When you output the entries, begin with the first line and end with the line containing "#108=IFCINDEXEDPOLYGONALFACE((23,24,28,27));", keeping each line exactly as it is.

### MATERIAL PROVIDED
^^^^
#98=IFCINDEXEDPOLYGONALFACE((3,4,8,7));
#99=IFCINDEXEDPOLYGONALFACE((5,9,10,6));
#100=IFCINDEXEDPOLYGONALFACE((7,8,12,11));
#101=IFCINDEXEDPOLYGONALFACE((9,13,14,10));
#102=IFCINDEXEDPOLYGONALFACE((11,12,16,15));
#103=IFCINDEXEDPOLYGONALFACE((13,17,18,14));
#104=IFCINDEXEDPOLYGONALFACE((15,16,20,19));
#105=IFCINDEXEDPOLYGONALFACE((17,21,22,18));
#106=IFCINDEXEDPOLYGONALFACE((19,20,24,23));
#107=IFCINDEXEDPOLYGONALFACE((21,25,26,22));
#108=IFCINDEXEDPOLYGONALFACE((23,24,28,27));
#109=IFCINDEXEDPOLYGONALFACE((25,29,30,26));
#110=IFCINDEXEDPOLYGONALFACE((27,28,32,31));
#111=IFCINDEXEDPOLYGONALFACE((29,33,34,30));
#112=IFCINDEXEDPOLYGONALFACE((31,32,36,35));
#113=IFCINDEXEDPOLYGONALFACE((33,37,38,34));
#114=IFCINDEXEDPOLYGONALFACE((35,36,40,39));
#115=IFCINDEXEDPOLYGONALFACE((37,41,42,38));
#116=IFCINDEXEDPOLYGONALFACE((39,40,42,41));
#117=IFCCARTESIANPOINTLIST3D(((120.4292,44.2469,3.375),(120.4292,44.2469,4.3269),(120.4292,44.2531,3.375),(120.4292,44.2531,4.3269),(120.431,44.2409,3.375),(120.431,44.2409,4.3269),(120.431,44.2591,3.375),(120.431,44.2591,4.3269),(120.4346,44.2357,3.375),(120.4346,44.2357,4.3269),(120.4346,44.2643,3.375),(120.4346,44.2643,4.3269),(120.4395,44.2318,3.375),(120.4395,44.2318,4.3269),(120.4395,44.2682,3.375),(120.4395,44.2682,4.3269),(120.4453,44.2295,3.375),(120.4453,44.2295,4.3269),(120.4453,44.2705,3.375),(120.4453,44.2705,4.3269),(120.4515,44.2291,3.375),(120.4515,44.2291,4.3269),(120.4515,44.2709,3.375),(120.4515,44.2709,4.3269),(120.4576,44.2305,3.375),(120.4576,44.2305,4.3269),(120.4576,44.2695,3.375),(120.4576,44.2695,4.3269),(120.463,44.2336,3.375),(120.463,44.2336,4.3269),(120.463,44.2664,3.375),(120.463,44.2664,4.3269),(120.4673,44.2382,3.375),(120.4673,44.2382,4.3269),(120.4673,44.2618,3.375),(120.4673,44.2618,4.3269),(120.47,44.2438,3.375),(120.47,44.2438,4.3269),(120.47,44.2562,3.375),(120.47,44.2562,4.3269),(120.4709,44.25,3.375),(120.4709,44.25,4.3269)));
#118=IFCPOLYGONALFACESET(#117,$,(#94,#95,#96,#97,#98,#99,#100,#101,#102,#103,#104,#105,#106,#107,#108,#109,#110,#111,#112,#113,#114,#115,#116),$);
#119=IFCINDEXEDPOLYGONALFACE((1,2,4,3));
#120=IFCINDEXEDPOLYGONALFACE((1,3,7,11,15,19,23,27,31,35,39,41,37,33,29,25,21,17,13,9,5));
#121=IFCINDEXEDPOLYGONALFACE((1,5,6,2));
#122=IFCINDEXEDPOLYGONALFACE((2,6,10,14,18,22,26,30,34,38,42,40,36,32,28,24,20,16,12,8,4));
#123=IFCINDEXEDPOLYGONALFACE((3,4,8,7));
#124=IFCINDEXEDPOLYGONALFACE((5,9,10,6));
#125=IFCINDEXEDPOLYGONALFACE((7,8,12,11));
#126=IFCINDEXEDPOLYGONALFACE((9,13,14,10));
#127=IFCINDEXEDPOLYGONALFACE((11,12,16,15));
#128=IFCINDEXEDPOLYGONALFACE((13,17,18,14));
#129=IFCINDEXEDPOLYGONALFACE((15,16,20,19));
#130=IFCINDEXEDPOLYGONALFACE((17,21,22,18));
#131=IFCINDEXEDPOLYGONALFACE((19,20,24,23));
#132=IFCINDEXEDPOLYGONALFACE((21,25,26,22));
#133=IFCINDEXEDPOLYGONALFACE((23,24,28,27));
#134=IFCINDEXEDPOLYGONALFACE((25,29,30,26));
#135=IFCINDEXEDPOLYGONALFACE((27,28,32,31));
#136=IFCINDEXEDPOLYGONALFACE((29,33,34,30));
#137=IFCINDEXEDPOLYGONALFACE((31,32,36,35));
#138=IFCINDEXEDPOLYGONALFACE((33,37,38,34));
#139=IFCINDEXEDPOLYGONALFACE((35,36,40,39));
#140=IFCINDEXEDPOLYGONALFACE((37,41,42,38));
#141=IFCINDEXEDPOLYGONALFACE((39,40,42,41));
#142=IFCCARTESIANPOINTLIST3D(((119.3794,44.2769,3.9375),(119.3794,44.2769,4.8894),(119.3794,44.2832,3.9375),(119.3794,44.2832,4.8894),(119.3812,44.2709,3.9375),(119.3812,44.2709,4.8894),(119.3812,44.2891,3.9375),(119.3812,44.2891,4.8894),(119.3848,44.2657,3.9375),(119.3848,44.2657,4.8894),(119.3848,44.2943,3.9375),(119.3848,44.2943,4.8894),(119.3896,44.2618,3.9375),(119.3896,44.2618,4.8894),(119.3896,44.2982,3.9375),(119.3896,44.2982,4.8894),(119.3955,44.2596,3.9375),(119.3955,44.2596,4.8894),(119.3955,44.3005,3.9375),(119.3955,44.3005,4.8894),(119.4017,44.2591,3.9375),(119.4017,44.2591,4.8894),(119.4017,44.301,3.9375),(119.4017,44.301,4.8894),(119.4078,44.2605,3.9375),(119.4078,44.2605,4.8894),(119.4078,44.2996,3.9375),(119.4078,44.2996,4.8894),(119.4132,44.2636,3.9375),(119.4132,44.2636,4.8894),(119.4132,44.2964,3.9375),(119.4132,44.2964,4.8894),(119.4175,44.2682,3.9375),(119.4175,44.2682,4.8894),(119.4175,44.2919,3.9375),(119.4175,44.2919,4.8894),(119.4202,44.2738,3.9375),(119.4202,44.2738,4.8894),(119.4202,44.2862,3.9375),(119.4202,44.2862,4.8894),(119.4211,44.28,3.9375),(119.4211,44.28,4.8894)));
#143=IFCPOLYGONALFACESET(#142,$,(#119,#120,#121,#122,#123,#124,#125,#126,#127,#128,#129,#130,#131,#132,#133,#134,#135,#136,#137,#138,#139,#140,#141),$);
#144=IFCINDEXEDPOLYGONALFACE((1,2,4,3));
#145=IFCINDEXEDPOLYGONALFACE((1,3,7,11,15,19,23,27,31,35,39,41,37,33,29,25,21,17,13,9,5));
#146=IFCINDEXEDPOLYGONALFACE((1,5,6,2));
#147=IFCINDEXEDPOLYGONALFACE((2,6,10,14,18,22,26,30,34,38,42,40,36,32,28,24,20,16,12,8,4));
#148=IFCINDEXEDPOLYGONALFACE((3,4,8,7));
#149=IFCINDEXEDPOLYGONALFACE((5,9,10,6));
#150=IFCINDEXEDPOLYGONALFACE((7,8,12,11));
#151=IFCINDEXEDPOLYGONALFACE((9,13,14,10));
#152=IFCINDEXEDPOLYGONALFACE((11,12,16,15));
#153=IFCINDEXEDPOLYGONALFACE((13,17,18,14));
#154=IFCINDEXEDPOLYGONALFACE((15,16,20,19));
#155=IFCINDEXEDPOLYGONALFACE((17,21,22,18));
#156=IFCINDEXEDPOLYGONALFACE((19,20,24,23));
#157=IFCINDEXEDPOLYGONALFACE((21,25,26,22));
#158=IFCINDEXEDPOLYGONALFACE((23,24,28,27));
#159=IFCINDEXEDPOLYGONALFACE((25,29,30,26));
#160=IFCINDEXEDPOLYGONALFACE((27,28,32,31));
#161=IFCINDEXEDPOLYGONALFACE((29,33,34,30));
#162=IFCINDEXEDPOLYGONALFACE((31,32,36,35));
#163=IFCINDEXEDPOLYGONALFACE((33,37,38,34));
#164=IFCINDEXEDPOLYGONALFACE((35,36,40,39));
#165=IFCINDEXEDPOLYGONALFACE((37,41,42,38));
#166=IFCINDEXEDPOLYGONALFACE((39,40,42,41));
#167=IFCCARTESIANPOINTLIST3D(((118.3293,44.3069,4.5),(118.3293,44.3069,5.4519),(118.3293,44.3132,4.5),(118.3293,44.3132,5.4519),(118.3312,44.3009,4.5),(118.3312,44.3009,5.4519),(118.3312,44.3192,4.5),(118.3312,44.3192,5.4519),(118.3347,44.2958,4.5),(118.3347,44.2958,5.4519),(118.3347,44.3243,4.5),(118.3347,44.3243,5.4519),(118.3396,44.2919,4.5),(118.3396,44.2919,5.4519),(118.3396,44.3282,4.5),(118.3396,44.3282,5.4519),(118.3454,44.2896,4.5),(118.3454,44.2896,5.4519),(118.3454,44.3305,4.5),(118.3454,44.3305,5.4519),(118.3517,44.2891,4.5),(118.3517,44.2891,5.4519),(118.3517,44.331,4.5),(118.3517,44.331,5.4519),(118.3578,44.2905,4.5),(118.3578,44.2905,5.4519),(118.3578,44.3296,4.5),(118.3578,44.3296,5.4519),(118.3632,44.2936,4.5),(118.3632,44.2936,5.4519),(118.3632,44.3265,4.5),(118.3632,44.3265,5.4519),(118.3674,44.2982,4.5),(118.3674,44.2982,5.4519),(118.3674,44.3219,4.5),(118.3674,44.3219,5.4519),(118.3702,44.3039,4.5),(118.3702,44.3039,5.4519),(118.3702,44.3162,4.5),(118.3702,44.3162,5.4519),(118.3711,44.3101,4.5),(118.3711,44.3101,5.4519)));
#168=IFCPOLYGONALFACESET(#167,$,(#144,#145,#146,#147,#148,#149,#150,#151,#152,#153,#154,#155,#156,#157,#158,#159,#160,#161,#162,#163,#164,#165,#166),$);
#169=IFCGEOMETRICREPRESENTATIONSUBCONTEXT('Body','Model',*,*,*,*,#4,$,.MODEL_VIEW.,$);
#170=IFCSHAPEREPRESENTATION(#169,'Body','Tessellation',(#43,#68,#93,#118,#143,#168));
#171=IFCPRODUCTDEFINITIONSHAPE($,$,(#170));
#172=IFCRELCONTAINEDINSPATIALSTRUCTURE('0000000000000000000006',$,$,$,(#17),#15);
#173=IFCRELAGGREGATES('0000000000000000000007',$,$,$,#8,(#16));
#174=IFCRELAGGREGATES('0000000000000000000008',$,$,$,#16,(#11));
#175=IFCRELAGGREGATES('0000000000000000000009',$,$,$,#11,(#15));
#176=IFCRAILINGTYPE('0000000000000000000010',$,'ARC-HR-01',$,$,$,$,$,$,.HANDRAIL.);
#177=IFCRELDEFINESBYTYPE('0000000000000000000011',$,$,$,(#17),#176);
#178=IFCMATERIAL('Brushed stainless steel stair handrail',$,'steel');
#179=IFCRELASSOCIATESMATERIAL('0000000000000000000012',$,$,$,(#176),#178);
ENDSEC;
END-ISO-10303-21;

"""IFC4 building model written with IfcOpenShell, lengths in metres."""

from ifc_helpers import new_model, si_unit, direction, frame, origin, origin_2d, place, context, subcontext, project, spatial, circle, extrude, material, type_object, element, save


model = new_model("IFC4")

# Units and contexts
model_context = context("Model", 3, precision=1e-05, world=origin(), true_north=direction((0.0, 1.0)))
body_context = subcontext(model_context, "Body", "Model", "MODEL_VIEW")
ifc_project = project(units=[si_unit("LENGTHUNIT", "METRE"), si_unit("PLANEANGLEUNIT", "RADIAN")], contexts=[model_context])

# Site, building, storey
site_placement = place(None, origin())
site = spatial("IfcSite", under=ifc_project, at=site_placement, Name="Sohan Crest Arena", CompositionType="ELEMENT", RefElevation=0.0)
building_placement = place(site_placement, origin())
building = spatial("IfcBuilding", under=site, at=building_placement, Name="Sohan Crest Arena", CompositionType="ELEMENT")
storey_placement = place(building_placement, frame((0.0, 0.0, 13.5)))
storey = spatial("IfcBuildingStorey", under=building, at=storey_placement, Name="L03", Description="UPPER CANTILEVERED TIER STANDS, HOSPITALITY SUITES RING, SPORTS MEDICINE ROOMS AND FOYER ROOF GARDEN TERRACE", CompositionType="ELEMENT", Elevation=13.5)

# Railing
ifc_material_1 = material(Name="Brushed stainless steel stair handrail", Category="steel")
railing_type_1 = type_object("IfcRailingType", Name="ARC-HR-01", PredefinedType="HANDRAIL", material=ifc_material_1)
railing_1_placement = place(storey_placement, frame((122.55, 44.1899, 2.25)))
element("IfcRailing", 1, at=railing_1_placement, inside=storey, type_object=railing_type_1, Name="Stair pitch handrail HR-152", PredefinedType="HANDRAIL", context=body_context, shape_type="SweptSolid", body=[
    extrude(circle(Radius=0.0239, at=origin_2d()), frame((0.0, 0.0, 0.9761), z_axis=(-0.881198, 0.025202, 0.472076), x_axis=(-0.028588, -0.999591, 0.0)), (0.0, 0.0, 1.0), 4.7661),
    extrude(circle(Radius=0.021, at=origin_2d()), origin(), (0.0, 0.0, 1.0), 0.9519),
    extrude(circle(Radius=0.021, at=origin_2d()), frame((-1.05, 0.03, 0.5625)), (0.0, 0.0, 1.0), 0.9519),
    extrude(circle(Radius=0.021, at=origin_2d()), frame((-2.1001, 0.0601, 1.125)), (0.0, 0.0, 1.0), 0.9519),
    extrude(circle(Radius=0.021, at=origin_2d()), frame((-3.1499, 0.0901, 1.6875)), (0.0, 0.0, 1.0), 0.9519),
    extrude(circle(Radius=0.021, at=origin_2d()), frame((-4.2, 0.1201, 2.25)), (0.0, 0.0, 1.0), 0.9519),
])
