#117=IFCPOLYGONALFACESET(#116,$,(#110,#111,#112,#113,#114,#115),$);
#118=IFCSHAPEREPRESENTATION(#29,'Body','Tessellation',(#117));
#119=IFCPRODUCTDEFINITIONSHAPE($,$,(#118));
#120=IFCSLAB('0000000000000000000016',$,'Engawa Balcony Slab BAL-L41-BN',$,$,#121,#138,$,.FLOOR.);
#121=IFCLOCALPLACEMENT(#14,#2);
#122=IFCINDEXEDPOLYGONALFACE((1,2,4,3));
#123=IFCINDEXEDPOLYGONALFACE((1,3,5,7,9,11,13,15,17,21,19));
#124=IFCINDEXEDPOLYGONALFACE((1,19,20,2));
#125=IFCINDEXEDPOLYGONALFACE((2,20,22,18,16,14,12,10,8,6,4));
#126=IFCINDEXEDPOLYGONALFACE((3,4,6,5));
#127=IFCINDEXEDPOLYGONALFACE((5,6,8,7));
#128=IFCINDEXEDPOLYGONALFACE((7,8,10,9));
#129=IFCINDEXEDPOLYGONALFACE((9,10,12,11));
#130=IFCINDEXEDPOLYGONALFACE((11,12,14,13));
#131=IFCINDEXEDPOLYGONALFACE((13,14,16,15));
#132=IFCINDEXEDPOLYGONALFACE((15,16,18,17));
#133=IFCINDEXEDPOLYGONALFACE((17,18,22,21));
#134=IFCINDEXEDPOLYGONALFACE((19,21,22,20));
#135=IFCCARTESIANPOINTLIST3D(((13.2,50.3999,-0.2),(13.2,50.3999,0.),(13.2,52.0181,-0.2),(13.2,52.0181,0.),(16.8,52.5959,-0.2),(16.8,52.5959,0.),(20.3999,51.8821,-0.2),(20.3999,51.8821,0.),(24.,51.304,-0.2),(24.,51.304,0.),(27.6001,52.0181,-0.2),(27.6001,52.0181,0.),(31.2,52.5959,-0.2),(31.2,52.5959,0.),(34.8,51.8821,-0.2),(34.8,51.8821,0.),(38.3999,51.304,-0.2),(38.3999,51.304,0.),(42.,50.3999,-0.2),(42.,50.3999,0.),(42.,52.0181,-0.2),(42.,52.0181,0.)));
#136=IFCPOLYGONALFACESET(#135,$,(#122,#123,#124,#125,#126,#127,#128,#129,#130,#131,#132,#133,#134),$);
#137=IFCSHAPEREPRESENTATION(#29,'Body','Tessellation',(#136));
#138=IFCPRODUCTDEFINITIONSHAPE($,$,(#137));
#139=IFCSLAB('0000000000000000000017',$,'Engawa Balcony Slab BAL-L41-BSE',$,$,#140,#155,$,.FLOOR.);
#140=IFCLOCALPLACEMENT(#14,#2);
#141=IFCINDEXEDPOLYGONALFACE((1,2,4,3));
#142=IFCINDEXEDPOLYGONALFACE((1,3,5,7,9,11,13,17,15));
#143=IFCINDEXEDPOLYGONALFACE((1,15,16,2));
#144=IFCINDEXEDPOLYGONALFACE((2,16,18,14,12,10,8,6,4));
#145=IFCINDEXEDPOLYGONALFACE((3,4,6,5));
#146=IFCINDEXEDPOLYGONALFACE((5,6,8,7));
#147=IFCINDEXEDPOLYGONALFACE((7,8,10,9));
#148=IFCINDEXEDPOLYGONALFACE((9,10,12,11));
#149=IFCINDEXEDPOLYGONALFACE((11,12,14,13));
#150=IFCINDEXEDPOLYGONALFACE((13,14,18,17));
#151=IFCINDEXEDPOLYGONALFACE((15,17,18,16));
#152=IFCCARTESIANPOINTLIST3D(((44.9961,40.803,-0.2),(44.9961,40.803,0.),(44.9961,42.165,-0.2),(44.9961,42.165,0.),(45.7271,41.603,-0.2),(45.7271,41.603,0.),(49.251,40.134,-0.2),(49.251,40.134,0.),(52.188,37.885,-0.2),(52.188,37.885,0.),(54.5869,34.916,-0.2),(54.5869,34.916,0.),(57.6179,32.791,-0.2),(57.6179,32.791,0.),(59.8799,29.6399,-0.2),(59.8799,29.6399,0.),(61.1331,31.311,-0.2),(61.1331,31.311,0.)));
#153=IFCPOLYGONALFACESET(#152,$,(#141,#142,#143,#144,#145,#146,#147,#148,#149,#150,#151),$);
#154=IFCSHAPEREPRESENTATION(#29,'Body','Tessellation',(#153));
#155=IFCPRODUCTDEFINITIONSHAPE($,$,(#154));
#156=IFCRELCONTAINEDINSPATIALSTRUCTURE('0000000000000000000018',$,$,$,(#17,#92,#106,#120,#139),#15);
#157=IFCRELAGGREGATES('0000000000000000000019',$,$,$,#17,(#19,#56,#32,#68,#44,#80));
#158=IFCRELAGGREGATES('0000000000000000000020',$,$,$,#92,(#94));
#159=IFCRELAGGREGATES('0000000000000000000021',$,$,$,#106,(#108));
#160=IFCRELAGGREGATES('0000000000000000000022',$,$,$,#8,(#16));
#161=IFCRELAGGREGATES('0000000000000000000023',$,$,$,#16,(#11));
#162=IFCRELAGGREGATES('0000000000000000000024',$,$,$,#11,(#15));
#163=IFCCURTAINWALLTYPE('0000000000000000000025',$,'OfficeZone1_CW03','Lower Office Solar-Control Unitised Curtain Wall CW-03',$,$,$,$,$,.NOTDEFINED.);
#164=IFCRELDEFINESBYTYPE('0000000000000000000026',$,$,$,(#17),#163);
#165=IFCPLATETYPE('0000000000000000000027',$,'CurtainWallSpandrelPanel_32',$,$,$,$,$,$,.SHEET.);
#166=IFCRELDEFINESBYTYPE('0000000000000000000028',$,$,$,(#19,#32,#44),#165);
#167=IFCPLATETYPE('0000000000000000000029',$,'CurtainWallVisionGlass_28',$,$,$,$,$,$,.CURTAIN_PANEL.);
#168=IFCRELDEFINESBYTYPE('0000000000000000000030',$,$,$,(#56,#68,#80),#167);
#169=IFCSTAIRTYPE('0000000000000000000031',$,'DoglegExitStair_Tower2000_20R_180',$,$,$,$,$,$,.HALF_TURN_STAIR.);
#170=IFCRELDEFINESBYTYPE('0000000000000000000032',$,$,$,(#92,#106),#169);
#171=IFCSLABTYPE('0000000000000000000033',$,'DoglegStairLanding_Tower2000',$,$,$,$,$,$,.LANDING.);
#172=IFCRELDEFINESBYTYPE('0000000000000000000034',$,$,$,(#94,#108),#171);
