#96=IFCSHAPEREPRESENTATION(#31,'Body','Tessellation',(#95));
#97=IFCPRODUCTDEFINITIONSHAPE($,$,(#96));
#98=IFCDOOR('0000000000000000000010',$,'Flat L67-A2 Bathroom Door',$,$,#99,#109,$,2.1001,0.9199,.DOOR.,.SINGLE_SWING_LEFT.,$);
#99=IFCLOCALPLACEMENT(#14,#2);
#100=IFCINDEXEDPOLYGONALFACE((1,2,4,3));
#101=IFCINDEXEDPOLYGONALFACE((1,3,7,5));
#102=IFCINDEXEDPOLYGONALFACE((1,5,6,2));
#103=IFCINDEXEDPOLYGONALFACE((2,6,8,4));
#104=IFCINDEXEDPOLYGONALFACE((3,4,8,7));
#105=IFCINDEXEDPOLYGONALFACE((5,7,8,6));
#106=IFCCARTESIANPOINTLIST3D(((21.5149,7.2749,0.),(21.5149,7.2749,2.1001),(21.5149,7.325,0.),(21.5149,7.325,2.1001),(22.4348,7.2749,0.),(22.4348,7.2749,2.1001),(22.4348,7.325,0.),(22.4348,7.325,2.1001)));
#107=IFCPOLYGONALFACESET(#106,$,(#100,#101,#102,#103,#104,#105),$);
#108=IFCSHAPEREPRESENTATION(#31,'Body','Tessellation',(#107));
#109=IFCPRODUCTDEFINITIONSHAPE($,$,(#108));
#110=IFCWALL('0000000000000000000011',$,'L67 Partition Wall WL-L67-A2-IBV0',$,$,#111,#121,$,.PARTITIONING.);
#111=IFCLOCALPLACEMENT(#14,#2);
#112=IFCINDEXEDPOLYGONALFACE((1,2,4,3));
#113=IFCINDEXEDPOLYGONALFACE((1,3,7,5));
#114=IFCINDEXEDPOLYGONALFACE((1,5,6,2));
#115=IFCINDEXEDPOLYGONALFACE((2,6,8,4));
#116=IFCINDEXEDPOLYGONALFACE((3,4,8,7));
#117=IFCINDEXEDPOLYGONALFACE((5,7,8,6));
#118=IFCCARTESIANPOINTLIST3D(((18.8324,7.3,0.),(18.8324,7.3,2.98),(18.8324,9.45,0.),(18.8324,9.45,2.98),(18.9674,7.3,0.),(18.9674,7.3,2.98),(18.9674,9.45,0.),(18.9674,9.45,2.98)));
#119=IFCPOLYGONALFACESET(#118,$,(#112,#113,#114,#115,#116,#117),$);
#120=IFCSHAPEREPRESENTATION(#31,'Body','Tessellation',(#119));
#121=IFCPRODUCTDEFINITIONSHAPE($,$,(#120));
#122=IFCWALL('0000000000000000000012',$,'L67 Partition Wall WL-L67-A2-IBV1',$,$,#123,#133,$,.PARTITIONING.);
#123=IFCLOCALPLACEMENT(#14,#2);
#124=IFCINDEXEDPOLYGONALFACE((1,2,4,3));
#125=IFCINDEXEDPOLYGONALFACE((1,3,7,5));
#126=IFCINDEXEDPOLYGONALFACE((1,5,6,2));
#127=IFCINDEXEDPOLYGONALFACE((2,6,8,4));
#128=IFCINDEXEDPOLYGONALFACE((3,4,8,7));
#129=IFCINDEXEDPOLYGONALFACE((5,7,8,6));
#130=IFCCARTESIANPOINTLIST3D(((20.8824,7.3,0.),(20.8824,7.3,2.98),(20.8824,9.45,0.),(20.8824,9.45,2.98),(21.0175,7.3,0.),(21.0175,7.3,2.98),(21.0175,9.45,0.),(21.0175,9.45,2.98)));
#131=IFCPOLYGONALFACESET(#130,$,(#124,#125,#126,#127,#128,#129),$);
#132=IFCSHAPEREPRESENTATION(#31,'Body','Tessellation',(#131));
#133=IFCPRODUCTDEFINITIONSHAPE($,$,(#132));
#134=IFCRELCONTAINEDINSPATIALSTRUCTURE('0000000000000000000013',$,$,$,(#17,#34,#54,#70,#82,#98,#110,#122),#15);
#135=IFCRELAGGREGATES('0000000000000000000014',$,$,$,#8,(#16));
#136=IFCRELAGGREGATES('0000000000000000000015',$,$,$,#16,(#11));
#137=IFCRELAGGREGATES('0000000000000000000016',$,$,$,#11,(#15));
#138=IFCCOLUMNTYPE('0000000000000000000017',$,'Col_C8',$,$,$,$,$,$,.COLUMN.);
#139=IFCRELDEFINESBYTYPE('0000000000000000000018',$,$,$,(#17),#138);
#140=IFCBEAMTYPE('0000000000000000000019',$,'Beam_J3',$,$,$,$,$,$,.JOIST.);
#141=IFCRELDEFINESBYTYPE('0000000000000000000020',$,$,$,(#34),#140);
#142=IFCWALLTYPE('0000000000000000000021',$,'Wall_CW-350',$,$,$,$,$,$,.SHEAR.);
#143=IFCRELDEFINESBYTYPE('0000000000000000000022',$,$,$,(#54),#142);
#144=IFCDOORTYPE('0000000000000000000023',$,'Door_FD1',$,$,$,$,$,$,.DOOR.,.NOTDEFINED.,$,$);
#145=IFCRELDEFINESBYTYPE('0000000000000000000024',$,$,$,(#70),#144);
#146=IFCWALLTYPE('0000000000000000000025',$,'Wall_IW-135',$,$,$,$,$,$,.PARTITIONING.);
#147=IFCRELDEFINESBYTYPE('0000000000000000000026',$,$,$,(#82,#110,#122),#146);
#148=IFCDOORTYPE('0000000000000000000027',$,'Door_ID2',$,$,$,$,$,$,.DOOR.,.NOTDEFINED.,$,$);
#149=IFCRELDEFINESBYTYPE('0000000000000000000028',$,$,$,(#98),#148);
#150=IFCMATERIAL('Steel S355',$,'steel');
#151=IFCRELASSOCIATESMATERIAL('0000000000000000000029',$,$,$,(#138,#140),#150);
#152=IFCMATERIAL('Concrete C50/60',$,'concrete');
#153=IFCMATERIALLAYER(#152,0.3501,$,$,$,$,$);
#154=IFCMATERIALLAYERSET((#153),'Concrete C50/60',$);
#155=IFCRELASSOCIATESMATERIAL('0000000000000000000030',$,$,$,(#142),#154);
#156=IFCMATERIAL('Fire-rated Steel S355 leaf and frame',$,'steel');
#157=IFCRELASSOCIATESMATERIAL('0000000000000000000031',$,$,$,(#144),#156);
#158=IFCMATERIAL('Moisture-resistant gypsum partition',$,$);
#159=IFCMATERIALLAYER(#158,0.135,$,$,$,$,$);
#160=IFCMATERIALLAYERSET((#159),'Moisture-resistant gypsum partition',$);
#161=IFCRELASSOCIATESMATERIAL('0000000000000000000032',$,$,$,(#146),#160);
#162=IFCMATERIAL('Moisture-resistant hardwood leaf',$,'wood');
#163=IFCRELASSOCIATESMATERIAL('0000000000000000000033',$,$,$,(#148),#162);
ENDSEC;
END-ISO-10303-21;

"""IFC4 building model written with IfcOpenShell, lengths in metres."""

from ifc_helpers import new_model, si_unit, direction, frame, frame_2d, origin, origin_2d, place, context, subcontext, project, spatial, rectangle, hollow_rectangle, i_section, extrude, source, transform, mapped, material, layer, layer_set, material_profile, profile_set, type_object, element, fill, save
^^^^
### SOLUTION BELOW
#98=IFCINDEXEDPOLYGONALFACE((3,4,8,7));
#99=IFCINDEXEDPOLYGONALFACE((5,9,10,6));
#100=IFCINDEXEDPOLYGONALFACE((7,8,12,11));
#101=IFCINDEXEDPOLYGONALFACE((9,13,14,10));
#102=IFCINDEXEDPOLYGONALFACE((11,12,16,15));
#103=IFCINDEXEDPOLYGONALFACE((13,17,18,14));
#104=IFCINDEXEDPOLYGONALFACE((15,16,20,19));
#105=IFCINDEXEDPOLYGONALFACE((17,21,22,18));
#106=IFCINDEXEDPOLYGONALFACE((19,20,24,23));
#107=IFCINDEXEDPOLYGONALFACE((21,25,26,22));
#108=IFCINDEXEDPOLYGONALFACE((23,24,28,27));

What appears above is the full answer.